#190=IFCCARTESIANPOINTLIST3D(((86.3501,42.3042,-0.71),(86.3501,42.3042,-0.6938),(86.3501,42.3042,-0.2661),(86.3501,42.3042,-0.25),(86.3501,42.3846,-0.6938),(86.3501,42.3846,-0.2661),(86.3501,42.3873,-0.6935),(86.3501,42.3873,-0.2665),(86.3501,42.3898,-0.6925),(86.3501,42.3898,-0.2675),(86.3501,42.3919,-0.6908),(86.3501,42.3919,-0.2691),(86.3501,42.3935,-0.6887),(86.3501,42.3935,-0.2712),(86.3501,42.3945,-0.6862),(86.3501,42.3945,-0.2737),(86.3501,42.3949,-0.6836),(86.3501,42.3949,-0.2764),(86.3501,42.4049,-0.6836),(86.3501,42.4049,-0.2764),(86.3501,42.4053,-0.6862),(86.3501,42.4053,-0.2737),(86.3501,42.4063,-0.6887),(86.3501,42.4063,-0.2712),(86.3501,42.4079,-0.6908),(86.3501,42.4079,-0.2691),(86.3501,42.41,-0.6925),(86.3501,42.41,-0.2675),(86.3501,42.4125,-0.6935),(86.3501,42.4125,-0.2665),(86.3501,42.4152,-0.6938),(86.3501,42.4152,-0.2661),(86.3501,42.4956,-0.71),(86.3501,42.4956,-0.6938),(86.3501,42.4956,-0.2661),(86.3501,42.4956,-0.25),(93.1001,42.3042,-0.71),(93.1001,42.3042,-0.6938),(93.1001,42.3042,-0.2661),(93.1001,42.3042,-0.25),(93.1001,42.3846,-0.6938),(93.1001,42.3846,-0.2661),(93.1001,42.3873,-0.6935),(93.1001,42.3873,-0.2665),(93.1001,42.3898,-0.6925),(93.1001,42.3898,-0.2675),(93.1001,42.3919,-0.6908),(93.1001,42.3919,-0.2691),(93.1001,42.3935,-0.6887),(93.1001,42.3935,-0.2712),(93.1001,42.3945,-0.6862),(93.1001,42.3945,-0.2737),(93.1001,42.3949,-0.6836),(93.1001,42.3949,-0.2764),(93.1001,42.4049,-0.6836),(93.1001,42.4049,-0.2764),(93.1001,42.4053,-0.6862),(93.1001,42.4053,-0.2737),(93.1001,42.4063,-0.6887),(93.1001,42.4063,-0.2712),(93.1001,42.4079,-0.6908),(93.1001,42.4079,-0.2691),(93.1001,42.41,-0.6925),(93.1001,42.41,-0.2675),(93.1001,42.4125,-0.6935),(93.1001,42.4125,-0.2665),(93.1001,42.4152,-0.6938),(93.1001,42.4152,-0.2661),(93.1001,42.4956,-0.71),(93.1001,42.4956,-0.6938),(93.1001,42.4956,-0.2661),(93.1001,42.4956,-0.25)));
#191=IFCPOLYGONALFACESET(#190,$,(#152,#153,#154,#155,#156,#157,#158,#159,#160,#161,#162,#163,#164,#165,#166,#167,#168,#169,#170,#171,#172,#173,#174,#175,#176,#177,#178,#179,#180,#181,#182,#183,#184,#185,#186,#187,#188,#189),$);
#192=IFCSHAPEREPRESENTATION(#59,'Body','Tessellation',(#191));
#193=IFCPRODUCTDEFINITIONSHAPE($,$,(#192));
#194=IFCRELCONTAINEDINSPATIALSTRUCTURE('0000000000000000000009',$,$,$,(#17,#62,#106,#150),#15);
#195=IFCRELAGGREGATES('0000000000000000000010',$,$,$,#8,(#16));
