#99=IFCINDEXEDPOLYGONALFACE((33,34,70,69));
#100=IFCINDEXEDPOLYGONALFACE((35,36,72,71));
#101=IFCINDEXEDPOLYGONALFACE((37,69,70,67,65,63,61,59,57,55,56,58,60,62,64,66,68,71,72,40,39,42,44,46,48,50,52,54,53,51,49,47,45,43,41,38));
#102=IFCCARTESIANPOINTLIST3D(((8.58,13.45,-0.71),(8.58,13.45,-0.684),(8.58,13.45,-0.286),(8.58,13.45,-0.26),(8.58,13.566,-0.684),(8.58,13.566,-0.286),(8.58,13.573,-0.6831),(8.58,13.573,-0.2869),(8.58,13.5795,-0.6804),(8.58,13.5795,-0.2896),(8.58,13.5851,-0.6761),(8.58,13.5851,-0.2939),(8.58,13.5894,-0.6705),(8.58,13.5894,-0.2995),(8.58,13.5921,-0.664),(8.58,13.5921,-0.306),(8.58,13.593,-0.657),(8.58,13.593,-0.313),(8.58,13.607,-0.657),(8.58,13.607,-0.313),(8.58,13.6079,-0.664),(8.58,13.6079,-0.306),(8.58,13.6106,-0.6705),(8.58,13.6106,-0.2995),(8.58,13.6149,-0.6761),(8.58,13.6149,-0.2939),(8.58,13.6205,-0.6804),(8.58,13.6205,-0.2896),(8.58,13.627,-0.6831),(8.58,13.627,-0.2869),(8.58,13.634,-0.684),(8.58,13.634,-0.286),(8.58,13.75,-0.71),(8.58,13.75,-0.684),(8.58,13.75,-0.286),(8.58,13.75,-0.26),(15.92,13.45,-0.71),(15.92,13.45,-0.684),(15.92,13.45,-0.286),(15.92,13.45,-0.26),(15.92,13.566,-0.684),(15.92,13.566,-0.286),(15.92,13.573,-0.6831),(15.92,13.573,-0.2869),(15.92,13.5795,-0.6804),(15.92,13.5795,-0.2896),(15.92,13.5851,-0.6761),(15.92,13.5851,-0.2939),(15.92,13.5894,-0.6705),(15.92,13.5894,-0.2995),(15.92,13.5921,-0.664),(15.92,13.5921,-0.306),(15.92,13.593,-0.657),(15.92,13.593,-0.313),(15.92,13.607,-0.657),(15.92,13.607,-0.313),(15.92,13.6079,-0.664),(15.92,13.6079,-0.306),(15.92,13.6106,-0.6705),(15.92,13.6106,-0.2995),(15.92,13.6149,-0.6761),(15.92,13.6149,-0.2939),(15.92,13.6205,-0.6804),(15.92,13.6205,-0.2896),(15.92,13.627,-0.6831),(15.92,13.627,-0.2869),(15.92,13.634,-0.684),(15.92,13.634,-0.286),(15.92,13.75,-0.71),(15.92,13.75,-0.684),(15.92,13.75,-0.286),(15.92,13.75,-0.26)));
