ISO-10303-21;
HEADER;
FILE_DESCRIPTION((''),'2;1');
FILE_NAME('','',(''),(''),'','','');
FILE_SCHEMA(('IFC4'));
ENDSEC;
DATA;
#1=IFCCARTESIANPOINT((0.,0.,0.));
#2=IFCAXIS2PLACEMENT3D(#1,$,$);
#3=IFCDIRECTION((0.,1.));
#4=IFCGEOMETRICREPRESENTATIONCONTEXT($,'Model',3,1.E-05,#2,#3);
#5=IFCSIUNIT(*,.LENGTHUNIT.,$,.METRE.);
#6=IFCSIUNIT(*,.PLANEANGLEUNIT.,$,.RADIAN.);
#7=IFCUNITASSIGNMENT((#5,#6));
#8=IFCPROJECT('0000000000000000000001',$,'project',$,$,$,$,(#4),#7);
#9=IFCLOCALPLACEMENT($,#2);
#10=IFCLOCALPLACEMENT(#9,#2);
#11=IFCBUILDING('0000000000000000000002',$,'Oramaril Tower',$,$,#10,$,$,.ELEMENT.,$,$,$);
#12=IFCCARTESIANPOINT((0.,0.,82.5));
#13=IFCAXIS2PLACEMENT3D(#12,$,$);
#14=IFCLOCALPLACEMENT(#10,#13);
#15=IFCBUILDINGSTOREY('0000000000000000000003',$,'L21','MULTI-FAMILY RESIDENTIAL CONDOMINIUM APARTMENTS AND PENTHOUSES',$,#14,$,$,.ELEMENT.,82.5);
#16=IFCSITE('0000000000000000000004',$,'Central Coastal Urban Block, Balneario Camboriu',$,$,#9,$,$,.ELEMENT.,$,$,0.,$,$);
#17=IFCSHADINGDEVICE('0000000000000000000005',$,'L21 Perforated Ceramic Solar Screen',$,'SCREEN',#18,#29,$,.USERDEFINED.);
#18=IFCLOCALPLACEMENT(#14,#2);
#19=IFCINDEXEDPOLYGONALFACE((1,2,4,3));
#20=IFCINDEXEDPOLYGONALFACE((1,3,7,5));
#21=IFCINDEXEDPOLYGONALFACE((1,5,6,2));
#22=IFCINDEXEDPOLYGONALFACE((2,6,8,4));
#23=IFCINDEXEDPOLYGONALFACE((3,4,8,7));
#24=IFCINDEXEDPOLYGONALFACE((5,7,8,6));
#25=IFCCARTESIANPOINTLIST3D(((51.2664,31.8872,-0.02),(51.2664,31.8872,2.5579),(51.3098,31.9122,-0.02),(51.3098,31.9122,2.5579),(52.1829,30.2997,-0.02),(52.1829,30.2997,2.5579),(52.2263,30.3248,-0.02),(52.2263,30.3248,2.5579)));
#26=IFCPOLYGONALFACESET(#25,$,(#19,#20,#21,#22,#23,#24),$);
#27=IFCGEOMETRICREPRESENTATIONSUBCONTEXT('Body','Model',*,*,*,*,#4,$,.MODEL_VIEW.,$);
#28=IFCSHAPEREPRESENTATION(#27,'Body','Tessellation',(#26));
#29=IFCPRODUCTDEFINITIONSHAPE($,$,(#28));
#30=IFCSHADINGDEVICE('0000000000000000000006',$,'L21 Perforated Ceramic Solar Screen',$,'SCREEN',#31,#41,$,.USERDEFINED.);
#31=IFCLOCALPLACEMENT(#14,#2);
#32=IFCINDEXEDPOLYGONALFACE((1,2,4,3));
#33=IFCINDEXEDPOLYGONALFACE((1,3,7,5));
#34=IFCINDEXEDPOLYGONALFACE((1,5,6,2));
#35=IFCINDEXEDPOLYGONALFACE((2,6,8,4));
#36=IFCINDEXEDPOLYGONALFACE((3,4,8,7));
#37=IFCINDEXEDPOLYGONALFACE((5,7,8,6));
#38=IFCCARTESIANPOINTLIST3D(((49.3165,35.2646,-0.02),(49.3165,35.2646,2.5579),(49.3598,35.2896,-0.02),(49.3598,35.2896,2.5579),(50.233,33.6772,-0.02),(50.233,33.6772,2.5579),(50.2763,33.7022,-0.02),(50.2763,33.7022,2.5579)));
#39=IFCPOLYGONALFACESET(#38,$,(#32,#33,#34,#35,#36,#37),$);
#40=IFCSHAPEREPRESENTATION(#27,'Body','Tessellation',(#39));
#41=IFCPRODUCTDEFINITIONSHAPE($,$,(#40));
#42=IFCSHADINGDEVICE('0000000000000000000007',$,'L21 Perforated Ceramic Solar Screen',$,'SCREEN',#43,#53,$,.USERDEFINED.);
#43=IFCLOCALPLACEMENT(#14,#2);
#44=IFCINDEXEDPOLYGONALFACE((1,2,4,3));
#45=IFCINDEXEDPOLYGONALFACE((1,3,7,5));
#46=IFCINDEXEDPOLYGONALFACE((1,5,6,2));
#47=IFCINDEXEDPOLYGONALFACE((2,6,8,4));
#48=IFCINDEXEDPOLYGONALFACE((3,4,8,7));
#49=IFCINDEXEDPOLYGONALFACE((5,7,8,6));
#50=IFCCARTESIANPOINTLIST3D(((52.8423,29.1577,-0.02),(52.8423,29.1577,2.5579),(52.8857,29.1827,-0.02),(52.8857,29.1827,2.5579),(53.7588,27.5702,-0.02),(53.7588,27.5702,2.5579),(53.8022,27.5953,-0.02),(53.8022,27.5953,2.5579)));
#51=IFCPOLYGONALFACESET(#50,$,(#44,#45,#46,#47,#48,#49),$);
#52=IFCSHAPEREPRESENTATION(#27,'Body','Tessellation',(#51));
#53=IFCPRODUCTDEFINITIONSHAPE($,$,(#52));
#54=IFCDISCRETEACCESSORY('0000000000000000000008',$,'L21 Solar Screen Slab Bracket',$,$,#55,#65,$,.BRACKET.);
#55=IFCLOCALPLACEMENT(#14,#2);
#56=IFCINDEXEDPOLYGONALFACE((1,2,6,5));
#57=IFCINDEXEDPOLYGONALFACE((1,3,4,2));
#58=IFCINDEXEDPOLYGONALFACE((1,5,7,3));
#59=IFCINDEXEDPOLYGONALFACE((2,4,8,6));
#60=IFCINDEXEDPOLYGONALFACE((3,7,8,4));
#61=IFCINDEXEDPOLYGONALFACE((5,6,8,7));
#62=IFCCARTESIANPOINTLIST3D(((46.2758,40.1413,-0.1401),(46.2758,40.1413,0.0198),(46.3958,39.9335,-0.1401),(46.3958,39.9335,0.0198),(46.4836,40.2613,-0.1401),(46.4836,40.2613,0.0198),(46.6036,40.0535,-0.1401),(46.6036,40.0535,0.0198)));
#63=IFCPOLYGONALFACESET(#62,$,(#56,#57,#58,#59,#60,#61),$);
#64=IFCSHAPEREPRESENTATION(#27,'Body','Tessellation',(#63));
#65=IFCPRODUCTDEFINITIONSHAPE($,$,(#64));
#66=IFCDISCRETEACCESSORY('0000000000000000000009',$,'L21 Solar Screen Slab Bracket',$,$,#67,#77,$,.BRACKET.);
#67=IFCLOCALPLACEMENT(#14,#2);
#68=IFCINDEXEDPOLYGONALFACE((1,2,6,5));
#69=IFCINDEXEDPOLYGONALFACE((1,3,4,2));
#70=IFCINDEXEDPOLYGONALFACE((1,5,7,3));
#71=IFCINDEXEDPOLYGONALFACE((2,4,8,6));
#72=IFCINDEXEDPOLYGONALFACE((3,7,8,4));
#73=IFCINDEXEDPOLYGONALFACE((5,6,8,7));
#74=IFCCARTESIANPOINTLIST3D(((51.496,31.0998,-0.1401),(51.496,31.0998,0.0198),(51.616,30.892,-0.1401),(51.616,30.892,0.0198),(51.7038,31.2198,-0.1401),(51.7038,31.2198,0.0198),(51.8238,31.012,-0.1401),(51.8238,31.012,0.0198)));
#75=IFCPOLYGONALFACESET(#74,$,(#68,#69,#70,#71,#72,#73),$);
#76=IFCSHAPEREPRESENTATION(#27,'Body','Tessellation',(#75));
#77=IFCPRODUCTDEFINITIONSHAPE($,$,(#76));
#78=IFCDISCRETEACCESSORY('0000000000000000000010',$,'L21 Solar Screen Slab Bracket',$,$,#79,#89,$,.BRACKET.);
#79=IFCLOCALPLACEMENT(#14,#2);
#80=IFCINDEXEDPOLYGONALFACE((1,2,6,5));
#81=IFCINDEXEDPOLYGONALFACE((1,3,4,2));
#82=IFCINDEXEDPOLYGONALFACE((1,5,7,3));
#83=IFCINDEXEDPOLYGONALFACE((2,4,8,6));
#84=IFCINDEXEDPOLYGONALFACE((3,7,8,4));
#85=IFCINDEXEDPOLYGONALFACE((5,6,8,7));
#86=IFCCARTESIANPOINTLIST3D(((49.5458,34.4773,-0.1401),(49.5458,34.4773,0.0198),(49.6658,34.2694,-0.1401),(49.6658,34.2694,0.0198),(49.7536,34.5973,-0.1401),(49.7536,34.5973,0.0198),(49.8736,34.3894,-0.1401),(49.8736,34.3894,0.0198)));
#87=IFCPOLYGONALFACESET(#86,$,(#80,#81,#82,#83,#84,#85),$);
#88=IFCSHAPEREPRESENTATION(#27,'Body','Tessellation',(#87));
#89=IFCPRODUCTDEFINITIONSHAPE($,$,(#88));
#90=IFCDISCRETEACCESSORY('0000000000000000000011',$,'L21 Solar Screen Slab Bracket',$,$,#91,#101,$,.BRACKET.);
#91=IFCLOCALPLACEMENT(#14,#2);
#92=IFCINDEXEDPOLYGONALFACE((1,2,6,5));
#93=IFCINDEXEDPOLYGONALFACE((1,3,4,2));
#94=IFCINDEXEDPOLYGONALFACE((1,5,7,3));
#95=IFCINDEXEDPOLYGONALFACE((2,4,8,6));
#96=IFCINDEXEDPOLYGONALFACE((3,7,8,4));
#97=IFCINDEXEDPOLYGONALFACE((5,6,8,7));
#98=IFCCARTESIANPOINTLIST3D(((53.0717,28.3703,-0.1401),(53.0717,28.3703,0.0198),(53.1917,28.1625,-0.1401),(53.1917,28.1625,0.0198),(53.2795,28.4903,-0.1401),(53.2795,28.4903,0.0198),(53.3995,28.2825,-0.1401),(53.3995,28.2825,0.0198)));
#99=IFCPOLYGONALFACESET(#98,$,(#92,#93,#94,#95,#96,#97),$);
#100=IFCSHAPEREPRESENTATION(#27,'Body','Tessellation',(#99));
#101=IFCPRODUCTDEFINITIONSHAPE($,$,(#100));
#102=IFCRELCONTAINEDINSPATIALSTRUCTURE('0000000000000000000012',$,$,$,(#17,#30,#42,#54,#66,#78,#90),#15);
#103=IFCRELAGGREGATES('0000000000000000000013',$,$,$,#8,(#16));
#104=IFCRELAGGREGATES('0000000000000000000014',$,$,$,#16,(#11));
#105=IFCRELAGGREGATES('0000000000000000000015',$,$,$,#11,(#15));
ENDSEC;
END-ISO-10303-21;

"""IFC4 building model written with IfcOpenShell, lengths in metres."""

from ifc_helpers import new_model, si_unit, direction, frame, origin, origin_2d, place, context, subcontext, project, spatial, rectangle, extrude, element, save


model = new_model("IFC4")

# Units and contexts
model_context = context("Model", 3, precision=1e-05, world=origin(), true_north=direction((0.0, 1.0)))
body_context = subcontext(model_context, "Body", "Model", "MODEL_VIEW")
ifc_project = project(units=[si_unit("LENGTHUNIT", "METRE"), si_unit("PLANEANGLEUNIT", "RADIAN")], contexts=[model_context])

# Site, building, storey
site_placement = place(None, origin())
site = spatial("IfcSite", under=ifc_project, at=site_placement, Name="Central Coastal Urban Block, Balneario Camboriu", CompositionType="ELEMENT", RefElevation=0.0)
building_placement = place(site_placement, origin())
building = spatial("IfcBuilding", under=site, at=building_placement, Name="Oramaril Tower", CompositionType="ELEMENT")
storey_placement = place(building_placement, frame((0.0, 0.0, 82.5)))
storey = spatial("IfcBuildingStorey", under=building, at=storey_placement, Name="L21", Description="MULTI-FAMILY RESIDENTIAL CONDOMINIUM APARTMENTS AND PENTHOUSES", CompositionType="ELEMENT", Elevation=82.5)

# Shading devices
for number, where, z_axis, x_axis, name in (
    (1, (51.7463, 31.106, -0.02), (0.0, 0.0, 1.0), (-0.5, 0.866025, 0.0), "L21 Perforated Ceramic Solar Screen"),
    (2, (49.7964, 34.4834, -0.02), (0.0, 0.0, 1.0), (-0.5, 0.866025, 0.0), "L21 Perforated Ceramic Solar Screen"),
    (3, (53.3223, 28.3765, -0.02), (0.0, 0.0, 1.0), (-0.5, 0.866025, 0.0), "L21 Perforated Ceramic Solar Screen"),
):
    element("IfcShadingDevice", number, at=place(storey_placement, frame(where, z_axis=z_axis, x_axis=x_axis)), inside=storey, Name=name, ObjectType="SCREEN", PredefinedType="USERDEFINED", context=body_context, shape_type="SweptSolid", body=[
        extrude(rectangle(XDim=1.833, YDim=0.05, at=origin_2d()), origin(), (0.0, 0.0, 1.0), 2.5779),
    ])

# Discrete accessories
for number, where, z_axis, x_axis, name in (
    (4, (46.4397, 40.0974, -0.1401), (0.0, 0.0, 1.0), (-0.5, 0.866025, 0.0), "L21 Solar Screen Slab Bracket"),
    (5, (51.6599, 31.0559, -0.1401), (0.0, 0.0, 1.0), (-0.5, 0.866025, 0.0), "L21 Solar Screen Slab Bracket"),
    (6, (49.7097, 34.4333, -0.1401), (0.0, 0.0, 1.0), (-0.5, 0.866025, 0.0), "L21 Solar Screen Slab Bracket"),
    (7, (53.2356, 28.3264, -0.1401), (0.0, 0.0, 1.0), (-0.5, 0.866025, 0.0), "L21 Solar Screen Slab Bracket"),
):
    element("IfcDiscreteAccessory", number, at=place(storey_placement, frame(where, z_axis=z_axis, x_axis=x_axis)), inside=storey, Name=name, PredefinedType="BRACKET", context=body_context, shape_type="SweptSolid", body=[
        extrude(rectangle(XDim=0.24, YDim=0.24, at=origin_2d()), origin(), (0.0, 0.0, 1.0), 0.1599),
    ])

save(model, "model.ifc")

TASK BRIEF.
Transcribe the records above from the line holding "#77=IFCPRODUCTDEFINITIONSHAPE($,$,(#76));" down to the line holding "#81=IFCINDEXEDPOLYGONALFACE((1,3,4,2));", inclusive, without adding anything.

RESULT BELOW.
#77=IFCPRODUCTDEFINITIONSHAPE($,$,(#76));
#78=IFCDISCRETEACCESSORY('0000000000000000000010',$,'L21 Solar Screen Slab Bracket',$,$,#79,#89,$,.BRACKET.);
#79=IFCLOCALPLACEMENT(#14,#2);
#80=IFCINDEXEDPOLYGONALFACE((1,2,6,5));
#81=IFCINDEXEDPOLYGONALFACE((1,3,4,2));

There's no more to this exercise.